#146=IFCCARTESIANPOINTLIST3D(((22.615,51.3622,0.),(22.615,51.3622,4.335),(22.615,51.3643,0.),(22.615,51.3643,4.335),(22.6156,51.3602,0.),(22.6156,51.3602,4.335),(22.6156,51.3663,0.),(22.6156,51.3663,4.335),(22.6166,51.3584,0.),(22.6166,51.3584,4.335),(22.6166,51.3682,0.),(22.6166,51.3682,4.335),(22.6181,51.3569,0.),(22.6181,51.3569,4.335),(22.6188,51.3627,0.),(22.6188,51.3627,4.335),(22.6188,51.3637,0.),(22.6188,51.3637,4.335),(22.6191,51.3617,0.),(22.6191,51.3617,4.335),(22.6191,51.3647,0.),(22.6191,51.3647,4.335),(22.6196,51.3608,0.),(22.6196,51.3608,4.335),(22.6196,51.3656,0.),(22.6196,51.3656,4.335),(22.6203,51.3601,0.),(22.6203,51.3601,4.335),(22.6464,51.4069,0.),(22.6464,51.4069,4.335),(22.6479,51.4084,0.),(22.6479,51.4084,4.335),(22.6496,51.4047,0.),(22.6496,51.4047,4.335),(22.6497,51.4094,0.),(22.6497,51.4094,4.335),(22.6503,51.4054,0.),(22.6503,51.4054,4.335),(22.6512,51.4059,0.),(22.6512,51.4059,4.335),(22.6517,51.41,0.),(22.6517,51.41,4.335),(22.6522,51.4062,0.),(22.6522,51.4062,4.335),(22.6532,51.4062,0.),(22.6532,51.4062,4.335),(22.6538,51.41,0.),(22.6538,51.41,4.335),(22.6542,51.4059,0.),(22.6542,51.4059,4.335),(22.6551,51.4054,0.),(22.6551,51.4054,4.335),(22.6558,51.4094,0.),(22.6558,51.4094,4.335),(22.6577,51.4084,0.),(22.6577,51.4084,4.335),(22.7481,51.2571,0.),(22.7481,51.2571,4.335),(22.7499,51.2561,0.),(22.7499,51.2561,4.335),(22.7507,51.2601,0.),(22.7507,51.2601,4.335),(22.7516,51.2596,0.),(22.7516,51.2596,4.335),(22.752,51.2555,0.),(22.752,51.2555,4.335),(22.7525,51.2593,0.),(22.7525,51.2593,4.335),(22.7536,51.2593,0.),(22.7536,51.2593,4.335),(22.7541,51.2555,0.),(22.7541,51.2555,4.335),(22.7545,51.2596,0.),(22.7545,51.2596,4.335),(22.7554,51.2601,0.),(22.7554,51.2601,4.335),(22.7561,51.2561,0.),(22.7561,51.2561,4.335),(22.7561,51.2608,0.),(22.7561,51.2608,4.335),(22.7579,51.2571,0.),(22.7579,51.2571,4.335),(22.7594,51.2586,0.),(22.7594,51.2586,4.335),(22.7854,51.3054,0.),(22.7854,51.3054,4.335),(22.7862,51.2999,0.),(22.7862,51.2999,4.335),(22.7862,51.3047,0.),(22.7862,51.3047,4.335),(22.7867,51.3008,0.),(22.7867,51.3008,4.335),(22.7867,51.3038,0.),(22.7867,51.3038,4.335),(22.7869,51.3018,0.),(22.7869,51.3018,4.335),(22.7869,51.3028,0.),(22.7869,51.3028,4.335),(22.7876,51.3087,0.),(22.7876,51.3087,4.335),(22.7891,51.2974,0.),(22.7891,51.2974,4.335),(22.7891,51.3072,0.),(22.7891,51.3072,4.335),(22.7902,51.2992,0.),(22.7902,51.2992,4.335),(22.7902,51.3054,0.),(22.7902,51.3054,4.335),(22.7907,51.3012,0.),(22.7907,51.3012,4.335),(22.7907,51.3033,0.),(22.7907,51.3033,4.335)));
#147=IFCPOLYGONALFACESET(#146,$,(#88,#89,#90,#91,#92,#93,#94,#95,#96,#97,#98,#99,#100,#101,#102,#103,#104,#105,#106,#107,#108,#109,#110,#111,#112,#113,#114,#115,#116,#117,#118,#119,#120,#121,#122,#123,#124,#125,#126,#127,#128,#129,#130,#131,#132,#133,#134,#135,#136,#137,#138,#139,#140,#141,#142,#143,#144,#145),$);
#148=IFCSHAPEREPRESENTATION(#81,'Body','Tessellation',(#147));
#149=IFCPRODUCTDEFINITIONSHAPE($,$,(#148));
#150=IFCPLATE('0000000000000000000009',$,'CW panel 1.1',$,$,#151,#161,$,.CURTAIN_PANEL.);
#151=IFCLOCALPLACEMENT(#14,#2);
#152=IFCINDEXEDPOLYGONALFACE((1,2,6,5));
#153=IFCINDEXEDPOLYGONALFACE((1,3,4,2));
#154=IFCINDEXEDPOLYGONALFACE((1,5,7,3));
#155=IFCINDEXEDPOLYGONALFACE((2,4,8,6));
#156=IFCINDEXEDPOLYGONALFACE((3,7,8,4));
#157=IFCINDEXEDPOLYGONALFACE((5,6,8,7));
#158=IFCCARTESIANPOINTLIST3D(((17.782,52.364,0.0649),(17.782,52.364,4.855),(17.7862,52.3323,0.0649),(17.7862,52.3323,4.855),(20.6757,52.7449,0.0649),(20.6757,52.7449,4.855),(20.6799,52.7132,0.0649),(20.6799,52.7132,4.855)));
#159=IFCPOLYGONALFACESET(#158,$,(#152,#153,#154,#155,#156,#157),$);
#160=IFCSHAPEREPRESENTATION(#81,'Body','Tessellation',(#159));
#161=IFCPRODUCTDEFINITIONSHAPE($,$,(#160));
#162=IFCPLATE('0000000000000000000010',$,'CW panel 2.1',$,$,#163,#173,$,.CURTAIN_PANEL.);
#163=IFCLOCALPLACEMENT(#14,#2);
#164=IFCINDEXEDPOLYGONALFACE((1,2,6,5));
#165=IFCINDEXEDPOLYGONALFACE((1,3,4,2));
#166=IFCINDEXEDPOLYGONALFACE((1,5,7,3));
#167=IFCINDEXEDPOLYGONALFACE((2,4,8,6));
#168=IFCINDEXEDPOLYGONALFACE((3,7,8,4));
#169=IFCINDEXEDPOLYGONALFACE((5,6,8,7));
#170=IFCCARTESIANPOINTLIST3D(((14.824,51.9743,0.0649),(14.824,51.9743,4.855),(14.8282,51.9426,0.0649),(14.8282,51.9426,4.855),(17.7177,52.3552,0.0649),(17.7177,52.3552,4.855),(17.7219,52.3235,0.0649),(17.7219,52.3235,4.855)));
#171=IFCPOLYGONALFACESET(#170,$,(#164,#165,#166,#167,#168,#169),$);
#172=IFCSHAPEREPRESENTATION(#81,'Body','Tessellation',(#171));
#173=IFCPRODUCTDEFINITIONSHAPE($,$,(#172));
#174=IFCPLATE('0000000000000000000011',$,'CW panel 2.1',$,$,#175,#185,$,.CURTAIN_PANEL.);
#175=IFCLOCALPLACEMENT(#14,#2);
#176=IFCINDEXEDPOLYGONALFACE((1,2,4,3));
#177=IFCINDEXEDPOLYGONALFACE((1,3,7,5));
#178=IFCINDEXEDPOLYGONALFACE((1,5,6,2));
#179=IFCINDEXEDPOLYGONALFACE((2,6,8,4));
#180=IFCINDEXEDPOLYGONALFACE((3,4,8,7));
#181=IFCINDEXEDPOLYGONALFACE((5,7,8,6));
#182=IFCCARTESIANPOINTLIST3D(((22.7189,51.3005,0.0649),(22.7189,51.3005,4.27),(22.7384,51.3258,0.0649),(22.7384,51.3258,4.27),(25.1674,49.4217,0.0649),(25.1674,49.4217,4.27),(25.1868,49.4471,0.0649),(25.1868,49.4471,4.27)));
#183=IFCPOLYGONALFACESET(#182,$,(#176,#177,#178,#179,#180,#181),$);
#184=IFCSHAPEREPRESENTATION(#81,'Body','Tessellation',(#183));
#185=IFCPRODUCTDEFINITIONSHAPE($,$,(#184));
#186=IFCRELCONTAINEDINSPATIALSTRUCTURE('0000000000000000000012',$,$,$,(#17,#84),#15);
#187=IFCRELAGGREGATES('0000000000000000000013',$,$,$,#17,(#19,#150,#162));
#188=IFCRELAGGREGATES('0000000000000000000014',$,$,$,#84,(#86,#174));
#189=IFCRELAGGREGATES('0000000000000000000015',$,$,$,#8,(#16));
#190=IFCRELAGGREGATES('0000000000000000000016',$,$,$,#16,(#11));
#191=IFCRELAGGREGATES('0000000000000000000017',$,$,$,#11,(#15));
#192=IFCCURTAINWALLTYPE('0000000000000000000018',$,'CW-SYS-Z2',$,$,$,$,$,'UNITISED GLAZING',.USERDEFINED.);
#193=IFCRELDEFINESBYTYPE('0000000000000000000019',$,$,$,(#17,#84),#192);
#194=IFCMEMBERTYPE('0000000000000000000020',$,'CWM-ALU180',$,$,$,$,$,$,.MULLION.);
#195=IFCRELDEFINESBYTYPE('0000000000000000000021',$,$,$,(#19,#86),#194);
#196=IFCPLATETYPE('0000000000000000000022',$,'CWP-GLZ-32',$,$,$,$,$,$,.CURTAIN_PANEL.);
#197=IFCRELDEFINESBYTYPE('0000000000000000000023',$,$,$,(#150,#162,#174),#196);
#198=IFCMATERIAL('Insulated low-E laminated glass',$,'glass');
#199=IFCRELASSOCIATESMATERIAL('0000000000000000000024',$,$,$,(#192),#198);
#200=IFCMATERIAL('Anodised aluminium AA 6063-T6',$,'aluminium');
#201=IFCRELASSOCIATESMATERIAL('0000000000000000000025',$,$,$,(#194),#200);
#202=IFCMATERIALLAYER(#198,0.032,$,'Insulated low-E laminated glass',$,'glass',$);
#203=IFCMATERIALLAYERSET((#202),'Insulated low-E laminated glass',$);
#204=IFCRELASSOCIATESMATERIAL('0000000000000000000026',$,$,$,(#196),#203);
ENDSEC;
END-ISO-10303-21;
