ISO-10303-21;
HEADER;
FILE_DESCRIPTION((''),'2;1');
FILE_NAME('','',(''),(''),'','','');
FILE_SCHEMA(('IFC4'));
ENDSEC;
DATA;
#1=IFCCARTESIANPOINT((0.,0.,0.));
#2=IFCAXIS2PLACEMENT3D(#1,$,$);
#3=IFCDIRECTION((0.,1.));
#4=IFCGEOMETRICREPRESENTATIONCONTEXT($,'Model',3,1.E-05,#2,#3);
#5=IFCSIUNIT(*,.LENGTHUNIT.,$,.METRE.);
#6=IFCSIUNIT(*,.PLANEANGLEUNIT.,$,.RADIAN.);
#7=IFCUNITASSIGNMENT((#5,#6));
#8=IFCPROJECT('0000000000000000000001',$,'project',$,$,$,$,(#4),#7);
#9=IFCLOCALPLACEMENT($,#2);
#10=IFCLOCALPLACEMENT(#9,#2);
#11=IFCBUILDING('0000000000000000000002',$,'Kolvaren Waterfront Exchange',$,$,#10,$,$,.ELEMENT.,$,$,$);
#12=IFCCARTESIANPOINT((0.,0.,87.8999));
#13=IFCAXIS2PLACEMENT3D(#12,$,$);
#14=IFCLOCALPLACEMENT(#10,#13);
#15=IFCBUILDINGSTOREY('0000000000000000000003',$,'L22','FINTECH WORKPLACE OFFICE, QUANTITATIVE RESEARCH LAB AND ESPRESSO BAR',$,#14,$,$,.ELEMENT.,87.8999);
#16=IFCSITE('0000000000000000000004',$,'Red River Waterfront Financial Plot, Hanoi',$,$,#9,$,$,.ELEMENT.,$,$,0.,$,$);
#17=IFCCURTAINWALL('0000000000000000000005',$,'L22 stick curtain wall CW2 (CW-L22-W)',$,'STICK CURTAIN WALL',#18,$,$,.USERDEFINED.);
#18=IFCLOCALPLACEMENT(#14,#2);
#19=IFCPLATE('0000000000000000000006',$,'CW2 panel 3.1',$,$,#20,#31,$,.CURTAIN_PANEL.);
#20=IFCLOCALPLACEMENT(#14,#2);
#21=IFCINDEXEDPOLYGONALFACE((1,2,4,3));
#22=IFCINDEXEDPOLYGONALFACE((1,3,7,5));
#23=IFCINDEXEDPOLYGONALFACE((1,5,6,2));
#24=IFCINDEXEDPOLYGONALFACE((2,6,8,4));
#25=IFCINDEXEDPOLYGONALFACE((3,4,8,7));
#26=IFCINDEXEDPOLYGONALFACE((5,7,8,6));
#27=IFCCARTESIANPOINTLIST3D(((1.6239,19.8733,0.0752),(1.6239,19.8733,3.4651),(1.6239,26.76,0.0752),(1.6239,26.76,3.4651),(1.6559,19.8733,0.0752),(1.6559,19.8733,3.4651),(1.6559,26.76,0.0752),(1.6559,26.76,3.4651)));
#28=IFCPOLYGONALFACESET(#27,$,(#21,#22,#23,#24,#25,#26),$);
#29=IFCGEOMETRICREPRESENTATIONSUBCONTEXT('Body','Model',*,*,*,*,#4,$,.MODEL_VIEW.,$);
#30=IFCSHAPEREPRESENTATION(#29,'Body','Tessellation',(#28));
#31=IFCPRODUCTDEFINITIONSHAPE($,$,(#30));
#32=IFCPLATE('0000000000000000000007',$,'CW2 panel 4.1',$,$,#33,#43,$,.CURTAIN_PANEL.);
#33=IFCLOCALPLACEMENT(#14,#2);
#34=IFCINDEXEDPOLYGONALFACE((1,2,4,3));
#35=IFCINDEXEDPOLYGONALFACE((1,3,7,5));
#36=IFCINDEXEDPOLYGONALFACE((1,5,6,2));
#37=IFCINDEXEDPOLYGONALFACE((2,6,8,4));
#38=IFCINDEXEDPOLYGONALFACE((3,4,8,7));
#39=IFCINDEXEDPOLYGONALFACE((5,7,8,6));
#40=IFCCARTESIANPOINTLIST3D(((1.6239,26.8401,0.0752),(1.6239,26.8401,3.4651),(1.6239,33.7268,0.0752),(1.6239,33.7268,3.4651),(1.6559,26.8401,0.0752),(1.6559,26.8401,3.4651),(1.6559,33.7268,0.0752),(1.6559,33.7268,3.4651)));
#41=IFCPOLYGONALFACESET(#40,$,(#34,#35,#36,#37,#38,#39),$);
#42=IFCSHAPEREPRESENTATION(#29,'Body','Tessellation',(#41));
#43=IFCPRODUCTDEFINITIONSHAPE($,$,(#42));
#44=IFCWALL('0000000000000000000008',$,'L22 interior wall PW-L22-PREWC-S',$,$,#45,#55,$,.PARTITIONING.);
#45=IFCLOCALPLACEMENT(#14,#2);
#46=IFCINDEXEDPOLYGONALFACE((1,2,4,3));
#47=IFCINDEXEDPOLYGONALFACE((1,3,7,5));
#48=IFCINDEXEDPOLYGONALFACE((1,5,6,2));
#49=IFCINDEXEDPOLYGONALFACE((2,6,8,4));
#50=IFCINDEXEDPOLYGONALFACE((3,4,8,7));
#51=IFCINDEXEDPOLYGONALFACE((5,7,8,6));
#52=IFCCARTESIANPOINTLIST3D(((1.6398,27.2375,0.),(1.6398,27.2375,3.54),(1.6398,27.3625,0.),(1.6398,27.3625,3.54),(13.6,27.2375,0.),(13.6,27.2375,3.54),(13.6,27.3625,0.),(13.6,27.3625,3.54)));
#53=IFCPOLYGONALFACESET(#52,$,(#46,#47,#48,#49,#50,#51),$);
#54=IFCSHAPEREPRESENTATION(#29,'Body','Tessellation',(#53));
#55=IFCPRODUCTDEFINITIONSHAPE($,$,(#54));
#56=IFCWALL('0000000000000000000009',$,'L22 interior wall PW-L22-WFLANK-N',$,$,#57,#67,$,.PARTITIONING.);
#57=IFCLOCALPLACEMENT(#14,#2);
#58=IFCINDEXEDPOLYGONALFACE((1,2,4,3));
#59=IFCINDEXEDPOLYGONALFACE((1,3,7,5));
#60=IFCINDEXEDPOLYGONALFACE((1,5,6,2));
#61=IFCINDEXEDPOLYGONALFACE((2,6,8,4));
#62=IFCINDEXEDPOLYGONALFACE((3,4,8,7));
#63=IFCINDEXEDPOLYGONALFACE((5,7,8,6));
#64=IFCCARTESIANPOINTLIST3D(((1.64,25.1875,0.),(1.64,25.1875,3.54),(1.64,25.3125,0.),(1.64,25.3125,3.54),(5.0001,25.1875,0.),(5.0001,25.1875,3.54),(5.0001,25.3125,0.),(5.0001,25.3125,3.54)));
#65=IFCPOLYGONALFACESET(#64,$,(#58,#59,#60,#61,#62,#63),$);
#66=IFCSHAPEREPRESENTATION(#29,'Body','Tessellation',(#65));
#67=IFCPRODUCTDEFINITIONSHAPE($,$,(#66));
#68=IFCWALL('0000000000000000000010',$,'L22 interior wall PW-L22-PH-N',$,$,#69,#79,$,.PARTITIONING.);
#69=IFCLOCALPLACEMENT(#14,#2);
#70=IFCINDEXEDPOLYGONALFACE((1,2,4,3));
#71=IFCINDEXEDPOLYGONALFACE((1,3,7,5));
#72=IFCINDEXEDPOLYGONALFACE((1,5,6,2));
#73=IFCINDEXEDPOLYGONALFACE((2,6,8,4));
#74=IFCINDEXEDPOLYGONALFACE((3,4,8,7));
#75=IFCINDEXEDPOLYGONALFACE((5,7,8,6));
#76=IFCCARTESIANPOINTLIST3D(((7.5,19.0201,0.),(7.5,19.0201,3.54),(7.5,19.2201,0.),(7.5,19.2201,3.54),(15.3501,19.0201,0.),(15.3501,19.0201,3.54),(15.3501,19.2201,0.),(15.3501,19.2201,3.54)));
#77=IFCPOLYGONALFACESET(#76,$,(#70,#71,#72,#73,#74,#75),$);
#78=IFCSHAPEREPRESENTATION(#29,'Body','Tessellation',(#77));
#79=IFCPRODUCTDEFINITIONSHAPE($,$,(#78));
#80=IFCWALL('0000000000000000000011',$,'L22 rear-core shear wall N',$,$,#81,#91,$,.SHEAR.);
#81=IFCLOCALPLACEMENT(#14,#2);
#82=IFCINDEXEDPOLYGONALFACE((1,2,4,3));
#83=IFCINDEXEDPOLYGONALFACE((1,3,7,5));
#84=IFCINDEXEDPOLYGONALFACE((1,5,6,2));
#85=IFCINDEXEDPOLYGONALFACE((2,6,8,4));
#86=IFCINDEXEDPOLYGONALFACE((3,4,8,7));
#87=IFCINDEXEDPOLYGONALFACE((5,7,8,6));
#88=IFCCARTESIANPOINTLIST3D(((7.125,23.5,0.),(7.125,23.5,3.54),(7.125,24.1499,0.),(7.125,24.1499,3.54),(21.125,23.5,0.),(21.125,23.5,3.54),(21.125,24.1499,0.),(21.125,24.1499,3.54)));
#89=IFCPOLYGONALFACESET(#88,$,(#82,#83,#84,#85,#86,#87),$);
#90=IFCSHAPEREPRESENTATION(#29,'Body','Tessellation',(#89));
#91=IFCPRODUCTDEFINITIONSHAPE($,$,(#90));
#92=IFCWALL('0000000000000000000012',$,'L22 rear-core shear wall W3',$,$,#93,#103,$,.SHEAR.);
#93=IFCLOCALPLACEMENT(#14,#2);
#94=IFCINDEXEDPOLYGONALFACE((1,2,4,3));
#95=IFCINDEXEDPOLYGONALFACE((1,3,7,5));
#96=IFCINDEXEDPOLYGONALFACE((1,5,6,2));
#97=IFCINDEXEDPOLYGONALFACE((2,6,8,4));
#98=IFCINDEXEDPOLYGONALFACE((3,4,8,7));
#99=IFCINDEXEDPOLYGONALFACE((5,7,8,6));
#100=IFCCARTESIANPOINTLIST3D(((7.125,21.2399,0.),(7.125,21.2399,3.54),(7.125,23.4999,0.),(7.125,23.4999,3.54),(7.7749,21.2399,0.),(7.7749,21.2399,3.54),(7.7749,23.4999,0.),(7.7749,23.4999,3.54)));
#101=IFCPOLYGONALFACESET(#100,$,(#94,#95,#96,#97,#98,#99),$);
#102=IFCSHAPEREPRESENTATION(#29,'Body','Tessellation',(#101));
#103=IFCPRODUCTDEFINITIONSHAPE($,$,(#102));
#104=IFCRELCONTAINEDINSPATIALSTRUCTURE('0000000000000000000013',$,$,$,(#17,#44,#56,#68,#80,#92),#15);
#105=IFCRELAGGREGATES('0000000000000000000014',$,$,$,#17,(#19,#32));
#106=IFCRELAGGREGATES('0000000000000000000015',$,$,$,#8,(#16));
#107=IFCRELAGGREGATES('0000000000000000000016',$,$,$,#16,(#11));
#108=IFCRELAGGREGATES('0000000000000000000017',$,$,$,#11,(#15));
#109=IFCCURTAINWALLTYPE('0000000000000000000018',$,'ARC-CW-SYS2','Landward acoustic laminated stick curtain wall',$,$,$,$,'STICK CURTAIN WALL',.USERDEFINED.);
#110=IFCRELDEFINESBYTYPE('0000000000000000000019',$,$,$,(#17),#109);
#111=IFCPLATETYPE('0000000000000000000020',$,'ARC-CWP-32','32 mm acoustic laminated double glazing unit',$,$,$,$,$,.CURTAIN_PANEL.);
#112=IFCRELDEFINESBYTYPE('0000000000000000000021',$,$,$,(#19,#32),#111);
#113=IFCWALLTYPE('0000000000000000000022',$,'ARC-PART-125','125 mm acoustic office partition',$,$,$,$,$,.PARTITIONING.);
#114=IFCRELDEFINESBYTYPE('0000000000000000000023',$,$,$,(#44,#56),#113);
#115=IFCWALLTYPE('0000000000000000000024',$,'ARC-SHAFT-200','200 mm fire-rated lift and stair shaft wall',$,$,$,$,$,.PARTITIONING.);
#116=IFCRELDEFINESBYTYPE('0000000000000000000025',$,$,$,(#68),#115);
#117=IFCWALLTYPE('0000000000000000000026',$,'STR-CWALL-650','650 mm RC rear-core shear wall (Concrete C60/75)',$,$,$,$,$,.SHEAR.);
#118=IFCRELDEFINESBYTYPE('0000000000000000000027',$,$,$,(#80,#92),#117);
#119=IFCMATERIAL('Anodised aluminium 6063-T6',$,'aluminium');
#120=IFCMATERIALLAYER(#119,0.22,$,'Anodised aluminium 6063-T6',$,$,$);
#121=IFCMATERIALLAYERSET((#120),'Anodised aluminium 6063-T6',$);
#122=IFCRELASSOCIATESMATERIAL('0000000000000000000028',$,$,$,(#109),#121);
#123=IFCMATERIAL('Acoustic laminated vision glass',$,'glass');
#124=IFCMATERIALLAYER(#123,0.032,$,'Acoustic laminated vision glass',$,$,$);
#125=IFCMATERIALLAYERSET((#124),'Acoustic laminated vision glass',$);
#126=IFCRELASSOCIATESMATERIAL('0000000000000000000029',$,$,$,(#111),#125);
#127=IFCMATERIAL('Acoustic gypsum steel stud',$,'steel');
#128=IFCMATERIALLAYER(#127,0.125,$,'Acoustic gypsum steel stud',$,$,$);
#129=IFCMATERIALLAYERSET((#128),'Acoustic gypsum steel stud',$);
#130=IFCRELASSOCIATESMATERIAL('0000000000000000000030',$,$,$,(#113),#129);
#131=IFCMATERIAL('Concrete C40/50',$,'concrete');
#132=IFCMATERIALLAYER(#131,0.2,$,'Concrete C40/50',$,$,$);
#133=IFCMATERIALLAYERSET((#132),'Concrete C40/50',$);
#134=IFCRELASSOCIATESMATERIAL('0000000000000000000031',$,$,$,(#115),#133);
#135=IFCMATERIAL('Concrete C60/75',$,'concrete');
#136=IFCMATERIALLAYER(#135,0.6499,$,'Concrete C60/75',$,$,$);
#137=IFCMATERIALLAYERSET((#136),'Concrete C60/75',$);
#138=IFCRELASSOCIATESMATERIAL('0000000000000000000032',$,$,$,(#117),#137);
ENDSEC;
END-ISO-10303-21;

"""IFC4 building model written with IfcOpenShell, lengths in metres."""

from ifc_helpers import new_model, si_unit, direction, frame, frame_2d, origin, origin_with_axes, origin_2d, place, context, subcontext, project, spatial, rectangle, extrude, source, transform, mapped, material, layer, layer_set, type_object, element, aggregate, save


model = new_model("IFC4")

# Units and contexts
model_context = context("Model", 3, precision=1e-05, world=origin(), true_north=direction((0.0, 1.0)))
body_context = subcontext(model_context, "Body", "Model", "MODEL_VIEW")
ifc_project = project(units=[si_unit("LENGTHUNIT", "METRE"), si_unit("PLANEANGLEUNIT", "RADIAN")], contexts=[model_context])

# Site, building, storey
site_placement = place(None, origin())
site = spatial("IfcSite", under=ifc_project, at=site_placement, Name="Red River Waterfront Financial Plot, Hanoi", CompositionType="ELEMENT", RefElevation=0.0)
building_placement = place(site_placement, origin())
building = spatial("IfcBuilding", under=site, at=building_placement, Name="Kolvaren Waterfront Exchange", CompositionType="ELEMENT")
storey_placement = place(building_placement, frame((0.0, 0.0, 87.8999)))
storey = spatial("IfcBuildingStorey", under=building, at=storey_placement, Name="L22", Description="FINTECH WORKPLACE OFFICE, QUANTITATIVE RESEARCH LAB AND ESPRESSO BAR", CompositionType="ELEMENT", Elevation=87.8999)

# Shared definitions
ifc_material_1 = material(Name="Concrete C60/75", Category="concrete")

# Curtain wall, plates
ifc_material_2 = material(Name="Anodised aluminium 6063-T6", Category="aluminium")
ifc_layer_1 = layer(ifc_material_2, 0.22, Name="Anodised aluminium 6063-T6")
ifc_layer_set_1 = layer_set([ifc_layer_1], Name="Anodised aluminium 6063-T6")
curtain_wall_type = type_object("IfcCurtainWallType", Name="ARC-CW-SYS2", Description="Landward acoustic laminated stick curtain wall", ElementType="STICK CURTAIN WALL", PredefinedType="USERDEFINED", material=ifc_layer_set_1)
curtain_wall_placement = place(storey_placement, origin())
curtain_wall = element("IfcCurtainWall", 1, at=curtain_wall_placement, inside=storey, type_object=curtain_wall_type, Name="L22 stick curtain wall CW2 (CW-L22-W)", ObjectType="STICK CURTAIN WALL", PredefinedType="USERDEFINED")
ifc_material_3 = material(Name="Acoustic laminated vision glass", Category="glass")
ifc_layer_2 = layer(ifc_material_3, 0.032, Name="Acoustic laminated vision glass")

· · · ·

Your response should be made up of the lines in the data that contain the word "gypsum".

#127=IFCMATERIAL('Acoustic gypsum steel stud',$,'steel');
#128=IFCMATERIALLAYER(#127,0.125,$,'Acoustic gypsum steel stud',$,$,$);
#129=IFCMATERIALLAYERSET((#128),'Acoustic gypsum steel stud',$);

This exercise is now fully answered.